## PROBLEM TO SOLVE
Scan the records for "Partition" and copy each line that contains it.
--
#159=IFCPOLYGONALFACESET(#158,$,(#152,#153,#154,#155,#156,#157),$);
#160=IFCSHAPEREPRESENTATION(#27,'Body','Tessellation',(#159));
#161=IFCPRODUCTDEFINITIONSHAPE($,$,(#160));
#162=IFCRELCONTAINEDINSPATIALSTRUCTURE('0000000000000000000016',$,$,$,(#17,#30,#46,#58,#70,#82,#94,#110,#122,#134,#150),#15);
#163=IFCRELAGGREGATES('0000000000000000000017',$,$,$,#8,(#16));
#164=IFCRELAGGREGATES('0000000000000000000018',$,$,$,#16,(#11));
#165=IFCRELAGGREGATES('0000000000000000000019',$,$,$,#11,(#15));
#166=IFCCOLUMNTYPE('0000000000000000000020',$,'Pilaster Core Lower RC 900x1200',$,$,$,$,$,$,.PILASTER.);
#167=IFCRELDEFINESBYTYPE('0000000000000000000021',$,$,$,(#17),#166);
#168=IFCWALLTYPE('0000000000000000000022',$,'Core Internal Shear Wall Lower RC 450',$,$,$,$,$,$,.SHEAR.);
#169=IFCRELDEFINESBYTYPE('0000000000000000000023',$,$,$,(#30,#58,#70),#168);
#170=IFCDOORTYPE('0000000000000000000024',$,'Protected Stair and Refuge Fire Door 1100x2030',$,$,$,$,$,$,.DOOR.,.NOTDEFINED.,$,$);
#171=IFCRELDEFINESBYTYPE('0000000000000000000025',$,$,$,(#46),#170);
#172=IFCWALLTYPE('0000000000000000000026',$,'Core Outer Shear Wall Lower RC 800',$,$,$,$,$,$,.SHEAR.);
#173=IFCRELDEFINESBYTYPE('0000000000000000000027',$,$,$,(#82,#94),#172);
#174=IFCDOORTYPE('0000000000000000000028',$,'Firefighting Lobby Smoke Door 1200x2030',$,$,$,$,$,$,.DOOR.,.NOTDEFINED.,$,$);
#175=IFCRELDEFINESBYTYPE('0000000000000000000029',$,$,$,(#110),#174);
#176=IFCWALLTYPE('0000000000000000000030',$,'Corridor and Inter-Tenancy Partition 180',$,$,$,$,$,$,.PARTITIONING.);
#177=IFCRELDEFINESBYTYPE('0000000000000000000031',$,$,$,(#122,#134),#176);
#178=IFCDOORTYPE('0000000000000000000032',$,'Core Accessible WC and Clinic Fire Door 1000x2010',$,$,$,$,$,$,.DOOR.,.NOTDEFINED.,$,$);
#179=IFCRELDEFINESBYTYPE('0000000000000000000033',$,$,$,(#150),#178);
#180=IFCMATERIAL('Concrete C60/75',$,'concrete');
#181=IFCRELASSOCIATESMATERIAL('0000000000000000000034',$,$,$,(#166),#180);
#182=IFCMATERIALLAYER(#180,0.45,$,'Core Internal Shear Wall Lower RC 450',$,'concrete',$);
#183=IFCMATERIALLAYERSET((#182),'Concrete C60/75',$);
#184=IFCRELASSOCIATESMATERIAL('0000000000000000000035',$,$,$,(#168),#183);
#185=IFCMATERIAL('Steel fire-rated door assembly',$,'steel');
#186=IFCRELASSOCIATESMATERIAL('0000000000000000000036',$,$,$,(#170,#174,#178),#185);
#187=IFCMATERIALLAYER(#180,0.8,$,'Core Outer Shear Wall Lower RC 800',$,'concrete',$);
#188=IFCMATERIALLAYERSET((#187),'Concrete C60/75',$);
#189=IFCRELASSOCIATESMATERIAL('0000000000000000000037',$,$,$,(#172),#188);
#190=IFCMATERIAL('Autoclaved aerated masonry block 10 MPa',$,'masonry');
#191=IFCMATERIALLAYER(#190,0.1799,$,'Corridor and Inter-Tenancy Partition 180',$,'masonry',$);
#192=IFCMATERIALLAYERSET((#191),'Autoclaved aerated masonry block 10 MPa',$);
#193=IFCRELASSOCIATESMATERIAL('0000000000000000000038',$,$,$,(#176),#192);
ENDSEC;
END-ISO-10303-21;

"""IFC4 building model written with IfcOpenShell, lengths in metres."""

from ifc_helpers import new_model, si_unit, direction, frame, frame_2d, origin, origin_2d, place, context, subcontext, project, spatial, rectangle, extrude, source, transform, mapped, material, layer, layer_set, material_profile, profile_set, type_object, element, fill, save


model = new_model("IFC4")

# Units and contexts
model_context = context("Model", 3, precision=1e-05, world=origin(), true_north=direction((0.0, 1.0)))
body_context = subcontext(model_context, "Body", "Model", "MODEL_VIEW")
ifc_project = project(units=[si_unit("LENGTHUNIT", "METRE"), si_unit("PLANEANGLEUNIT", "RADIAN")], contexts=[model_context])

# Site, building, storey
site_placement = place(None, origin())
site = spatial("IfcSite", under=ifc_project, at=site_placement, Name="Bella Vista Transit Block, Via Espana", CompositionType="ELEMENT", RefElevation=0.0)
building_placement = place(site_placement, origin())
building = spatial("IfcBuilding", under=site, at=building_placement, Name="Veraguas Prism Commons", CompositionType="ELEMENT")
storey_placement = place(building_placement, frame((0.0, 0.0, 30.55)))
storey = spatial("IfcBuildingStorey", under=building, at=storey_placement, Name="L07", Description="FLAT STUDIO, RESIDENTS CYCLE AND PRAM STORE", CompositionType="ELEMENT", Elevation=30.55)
--
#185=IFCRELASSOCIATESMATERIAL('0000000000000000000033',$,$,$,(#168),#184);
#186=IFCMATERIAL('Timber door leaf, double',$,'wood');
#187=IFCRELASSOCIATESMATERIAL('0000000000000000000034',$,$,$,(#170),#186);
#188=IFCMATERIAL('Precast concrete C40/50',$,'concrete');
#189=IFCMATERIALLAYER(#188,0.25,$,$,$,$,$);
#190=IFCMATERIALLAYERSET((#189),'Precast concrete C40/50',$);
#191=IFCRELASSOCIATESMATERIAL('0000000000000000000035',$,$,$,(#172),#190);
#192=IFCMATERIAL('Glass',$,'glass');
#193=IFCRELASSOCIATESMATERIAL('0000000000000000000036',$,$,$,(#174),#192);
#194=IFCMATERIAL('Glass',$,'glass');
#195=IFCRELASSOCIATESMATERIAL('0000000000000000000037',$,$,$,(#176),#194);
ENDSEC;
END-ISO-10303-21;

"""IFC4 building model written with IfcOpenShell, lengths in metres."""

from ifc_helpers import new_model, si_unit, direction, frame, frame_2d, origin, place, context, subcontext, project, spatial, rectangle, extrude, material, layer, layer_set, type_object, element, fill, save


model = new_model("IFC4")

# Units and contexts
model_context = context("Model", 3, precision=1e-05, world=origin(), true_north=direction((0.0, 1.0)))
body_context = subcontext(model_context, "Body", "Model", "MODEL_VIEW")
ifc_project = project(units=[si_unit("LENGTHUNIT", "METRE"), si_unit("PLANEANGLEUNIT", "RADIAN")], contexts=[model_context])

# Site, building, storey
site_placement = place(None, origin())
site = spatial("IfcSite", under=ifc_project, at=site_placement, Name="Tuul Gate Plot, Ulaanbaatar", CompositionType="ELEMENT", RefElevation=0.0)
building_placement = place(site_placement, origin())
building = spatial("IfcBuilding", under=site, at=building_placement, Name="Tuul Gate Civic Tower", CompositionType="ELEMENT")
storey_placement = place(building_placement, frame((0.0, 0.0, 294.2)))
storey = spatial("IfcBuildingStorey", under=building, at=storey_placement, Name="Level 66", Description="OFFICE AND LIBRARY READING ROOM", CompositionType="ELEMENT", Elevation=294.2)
--
## EXERCISE RESPONSE
#176=IFCWALLTYPE('0000000000000000000030',$,'Corridor and Inter-Tenancy Partition 180',$,$,$,$,$,$,.PARTITIONING.);
#191=IFCMATERIALLAYER(#190,0.1799,$,'Corridor and Inter-Tenancy Partition 180',$,'masonry',$);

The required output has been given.